EXERCISE INSTRUCTIONS:
Every entry below, first to last, should be restated word for word.

====== DATA

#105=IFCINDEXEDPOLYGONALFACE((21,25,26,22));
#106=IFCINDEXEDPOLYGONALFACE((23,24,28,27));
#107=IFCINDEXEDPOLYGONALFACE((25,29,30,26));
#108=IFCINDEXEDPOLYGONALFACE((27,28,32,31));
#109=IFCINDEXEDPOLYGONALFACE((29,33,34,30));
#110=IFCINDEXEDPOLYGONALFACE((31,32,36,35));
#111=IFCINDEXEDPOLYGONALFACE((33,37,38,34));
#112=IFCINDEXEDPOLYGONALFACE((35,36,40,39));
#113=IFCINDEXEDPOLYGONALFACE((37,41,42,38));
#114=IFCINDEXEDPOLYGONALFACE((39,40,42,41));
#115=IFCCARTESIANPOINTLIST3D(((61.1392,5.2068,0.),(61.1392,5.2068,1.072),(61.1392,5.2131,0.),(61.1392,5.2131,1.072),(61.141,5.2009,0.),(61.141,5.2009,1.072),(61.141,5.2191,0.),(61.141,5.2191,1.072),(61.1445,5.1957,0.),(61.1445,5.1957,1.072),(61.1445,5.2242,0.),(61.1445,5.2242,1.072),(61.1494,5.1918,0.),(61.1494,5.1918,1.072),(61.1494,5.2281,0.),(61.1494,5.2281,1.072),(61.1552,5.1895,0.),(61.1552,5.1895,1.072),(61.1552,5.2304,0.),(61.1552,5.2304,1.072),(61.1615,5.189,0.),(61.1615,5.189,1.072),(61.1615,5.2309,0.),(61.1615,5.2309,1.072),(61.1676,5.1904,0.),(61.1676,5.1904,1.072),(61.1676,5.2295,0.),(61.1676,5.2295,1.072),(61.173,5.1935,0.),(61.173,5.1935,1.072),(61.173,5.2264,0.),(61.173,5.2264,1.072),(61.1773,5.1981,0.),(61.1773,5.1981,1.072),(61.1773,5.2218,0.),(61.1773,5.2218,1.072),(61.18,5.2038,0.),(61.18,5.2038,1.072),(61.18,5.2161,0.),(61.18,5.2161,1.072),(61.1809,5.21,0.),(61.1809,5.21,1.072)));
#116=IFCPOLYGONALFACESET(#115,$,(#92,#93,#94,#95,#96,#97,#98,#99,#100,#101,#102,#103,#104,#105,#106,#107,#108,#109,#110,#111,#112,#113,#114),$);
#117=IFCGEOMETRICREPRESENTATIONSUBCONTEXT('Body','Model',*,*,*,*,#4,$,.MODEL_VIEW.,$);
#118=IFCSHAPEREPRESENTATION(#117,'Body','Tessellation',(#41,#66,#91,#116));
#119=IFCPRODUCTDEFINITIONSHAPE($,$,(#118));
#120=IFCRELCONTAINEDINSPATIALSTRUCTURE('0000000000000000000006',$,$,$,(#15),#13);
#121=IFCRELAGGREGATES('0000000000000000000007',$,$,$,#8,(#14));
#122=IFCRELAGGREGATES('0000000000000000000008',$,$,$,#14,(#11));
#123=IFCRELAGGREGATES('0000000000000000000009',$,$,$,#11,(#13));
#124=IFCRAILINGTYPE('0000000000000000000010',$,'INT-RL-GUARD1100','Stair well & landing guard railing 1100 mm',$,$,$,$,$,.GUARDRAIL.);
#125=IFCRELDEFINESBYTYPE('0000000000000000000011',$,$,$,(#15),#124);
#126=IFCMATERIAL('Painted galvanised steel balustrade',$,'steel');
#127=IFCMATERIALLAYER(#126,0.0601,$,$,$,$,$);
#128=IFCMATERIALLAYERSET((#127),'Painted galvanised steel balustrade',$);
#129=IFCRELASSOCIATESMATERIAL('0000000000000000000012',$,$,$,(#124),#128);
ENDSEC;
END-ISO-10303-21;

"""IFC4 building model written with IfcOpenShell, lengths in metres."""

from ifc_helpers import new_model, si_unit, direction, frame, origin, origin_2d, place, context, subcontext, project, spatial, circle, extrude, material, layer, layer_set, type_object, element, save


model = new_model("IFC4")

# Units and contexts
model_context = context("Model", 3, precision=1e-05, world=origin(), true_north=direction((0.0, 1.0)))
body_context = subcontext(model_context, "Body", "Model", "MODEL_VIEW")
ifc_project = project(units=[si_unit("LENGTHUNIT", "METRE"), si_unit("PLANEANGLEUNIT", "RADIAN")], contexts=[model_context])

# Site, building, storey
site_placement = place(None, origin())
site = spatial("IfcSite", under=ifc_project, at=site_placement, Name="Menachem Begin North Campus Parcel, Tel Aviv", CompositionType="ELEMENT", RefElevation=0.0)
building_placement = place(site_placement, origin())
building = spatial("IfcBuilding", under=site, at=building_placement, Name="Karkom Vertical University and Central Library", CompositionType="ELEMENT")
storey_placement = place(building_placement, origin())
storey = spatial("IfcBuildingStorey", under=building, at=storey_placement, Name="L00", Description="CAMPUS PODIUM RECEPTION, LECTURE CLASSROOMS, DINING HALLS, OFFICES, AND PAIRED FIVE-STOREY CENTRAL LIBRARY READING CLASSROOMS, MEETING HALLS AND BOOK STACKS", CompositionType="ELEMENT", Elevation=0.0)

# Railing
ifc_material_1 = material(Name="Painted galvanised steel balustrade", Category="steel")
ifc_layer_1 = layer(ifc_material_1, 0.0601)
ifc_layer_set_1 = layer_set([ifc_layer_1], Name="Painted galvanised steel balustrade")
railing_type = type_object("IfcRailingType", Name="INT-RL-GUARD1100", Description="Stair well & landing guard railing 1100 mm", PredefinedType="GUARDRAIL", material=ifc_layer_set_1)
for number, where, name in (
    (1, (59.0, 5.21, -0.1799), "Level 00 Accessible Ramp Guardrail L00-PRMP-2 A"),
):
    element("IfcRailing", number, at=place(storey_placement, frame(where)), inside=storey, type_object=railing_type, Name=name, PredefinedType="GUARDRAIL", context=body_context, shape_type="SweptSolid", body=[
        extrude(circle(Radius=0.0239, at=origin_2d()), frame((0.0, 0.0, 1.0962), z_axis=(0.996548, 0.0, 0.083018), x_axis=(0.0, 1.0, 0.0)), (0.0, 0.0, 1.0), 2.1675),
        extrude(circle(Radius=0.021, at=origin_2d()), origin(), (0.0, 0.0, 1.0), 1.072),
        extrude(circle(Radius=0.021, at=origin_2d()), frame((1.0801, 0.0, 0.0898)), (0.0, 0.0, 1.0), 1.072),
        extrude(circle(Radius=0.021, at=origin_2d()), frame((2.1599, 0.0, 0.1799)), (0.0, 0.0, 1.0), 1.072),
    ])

============

ANSWER SECTION:
#105=IFCINDEXEDPOLYGONALFACE((21,25,26,22));
#106=IFCINDEXEDPOLYGONALFACE((23,24,28,27));
#107=IFCINDEXEDPOLYGONALFACE((25,29,30,26));
#108=IFCINDEXEDPOLYGONALFACE((27,28,32,31));
#109=IFCINDEXEDPOLYGONALFACE((29,33,34,30));
#110=IFCINDEXEDPOLYGONALFACE((31,32,36,35));
#111=IFCINDEXEDPOLYGONALFACE((33,37,38,34));
#112=IFCINDEXEDPOLYGONALFACE((35,36,40,39));
#113=IFCINDEXEDPOLYGONALFACE((37,41,42,38));
#114=IFCINDEXEDPOLYGONALFACE((39,40,42,41));
#115=IFCCARTESIANPOINTLIST3D(((61.1392,5.2068,0.),(61.1392,5.2068,1.072),(61.1392,5.2131,0.),(61.1392,5.2131,1.072),(61.141,5.2009,0.),(61.141,5.2009,1.072),(61.141,5.2191,0.),(61.141,5.2191,1.072),(61.1445,5.1957,0.),(61.1445,5.1957,1.072),(61.1445,5.2242,0.),(61.1445,5.2242,1.072),(61.1494,5.1918,0.),(61.1494,5.1918,1.072),(61.1494,5.2281,0.),(61.1494,5.2281,1.072),(61.1552,5.1895,0.),(61.1552,5.1895,1.072),(61.1552,5.2304,0.),(61.1552,5.2304,1.072),(61.1615,5.189,0.),(61.1615,5.189,1.072),(61.1615,5.2309,0.),(61.1615,5.2309,1.072),(61.1676,5.1904,0.),(61.1676,5.1904,1.072),(61.1676,5.2295,0.),(61.1676,5.2295,1.072),(61.173,5.1935,0.),(61.173,5.1935,1.072),(61.173,5.2264,0.),(61.173,5.2264,1.072),(61.1773,5.1981,0.),(61.1773,5.1981,1.072),(61.1773,5.2218,0.),(61.1773,5.2218,1.072),(61.18,5.2038,0.),(61.18,5.2038,1.072),(61.18,5.2161,0.),(61.18,5.2161,1.072),(61.1809,5.21,0.),(61.1809,5.21,1.072)));
#116=IFCPOLYGONALFACESET(#115,$,(#92,#93,#94,#95,#96,#97,#98,#99,#100,#101,#102,#103,#104,#105,#106,#107,#108,#109,#110,#111,#112,#113,#114),$);
#117=IFCGEOMETRICREPRESENTATIONSUBCONTEXT('Body','Model',*,*,*,*,#4,$,.MODEL_VIEW.,$);
#118=IFCSHAPEREPRESENTATION(#117,'Body','Tessellation',(#41,#66,#91,#116));
#119=IFCPRODUCTDEFINITIONSHAPE($,$,(#118));
#120=IFCRELCONTAINEDINSPATIALSTRUCTURE('0000000000000000000006',$,$,$,(#15),#13);
#121=IFCRELAGGREGATES('0000000000000000000007',$,$,$,#8,(#14));
#122=IFCRELAGGREGATES('0000000000000000000008',$,$,$,#14,(#11));
#123=IFCRELAGGREGATES('0000000000000000000009',$,$,$,#11,(#13));
#124=IFCRAILINGTYPE('0000000000000000000010',$,'INT-RL-GUARD1100','Stair well & landing guard railing 1100 mm',$,$,$,$,$,.GUARDRAIL.);
#125=IFCRELDEFINESBYTYPE('0000000000000000000011',$,$,$,(#15),#124);
#126=IFCMATERIAL('Painted galvanised steel balustrade',$,'steel');
#127=IFCMATERIALLAYER(#126,0.0601,$,$,$,$,$);
#128=IFCMATERIALLAYERSET((#127),'Painted galvanised steel balustrade',$);
#129=IFCRELASSOCIATESMATERIAL('0000000000000000000012',$,$,$,(#124),#128);
ENDSEC;
END-ISO-10303-21;

"""IFC4 building model written with IfcOpenShell, lengths in metres."""

from ifc_helpers import new_model, si_unit, direction, frame, origin, origin_2d, place, context, subcontext, project, spatial, circle, extrude, material, layer, layer_set, type_object, element, save


model = new_model("IFC4")

# Units and contexts
model_context = context("Model", 3, precision=1e-05, world=origin(), true_north=direction((0.0, 1.0)))
body_context = subcontext(model_context, "Body", "Model", "MODEL_VIEW")
ifc_project = project(units=[si_unit("LENGTHUNIT", "METRE"), si_unit("PLANEANGLEUNIT", "RADIAN")], contexts=[model_context])

# Site, building, storey
site_placement = place(None, origin())
site = spatial("IfcSite", under=ifc_project, at=site_placement, Name="Menachem Begin North Campus Parcel, Tel Aviv", CompositionType="ELEMENT", RefElevation=0.0)
building_placement = place(site_placement, origin())
building = spatial("IfcBuilding", under=site, at=building_placement, Name="Karkom Vertical University and Central Library", CompositionType="ELEMENT")
storey_placement = place(building_placement, origin())
storey = spatial("IfcBuildingStorey", under=building, at=storey_placement, Name="L00", Description="CAMPUS PODIUM RECEPTION, LECTURE CLASSROOMS, DINING HALLS, OFFICES, AND PAIRED FIVE-STOREY CENTRAL LIBRARY READING CLASSROOMS, MEETING HALLS AND BOOK STACKS", CompositionType="ELEMENT", Elevation=0.0)

# Railing
ifc_material_1 = material(Name="Painted galvanised steel balustrade", Category="steel")
ifc_layer_1 = layer(ifc_material_1, 0.0601)
ifc_layer_set_1 = layer_set([ifc_layer_1], Name="Painted galvanised steel balustrade")
railing_type = type_object("IfcRailingType", Name="INT-RL-GUARD1100", Description="Stair well & landing guard railing 1100 mm", PredefinedType="GUARDRAIL", material=ifc_layer_set_1)
for number, where, name in (
    (1, (59.0, 5.21, -0.1799), "Level 00 Accessible Ramp Guardrail L00-PRMP-2 A"),
):
    element("IfcRailing", number, at=place(storey_placement, frame(where)), inside=storey, type_object=railing_type, Name=name, PredefinedType="GUARDRAIL", context=body_context, shape_type="SweptSolid", body=[
        extrude(circle(Radius=0.0239, at=origin_2d()), frame((0.0, 0.0, 1.0962), z_axis=(0.996548, 0.0, 0.083018), x_axis=(0.0, 1.0, 0.0)), (0.0, 0.0, 1.0), 2.1675),
        extrude(circle(Radius=0.021, at=origin_2d()), origin(), (0.0, 0.0, 1.0), 1.072),
        extrude(circle(Radius=0.021, at=origin_2d()), frame((1.0801, 0.0, 0.0898)), (0.0, 0.0, 1.0), 1.072),
        extrude(circle(Radius=0.021, at=origin_2d()), frame((2.1599, 0.0, 0.1799)), (0.0, 0.0, 1.0), 1.072),
    ])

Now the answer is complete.